INPUT:

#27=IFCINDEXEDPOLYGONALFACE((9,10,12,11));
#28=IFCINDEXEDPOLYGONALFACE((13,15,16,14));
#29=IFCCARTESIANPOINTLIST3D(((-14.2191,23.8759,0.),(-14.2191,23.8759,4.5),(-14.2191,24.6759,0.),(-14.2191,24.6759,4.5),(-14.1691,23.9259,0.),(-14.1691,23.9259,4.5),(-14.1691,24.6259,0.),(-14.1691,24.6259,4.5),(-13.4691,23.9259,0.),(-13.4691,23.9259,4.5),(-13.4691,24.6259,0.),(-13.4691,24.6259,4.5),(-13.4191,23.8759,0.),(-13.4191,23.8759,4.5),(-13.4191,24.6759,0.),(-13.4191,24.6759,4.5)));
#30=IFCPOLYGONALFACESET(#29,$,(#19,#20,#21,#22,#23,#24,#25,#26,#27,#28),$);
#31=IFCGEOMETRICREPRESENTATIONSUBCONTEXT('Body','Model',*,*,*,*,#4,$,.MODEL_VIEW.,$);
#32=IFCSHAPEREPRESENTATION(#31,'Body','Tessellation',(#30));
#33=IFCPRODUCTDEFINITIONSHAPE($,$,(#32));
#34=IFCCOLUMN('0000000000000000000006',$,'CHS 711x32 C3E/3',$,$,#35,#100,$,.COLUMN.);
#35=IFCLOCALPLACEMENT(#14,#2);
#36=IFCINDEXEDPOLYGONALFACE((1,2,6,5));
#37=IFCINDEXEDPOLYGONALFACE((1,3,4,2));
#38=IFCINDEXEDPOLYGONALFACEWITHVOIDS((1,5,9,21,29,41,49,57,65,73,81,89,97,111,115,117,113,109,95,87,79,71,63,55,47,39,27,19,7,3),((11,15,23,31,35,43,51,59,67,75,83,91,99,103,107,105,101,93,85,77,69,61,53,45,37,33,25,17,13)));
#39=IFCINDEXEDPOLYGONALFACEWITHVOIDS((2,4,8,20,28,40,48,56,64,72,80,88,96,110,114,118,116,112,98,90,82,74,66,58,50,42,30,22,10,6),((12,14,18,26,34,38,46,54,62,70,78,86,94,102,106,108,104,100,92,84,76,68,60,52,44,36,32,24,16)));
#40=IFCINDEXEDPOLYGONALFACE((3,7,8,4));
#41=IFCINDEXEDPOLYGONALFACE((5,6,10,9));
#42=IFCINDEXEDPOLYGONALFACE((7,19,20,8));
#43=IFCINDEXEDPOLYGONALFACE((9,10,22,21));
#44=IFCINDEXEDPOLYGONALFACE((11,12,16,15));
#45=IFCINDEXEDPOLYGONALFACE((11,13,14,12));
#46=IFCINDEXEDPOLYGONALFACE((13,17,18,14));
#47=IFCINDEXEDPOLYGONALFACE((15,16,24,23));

PROMPT:
The expected output is a verbatim retyping of each line from the one with "#46=IFCINDEXEDPOLYGONALFACE((13,17,18,14));" to the end of the listing above, with both end lines kept and nothing added.

ANSWER TO THIS TASK:
#46=IFCINDEXEDPOLYGONALFACE((13,17,18,14));
#47=IFCINDEXEDPOLYGONALFACE((15,16,24,23));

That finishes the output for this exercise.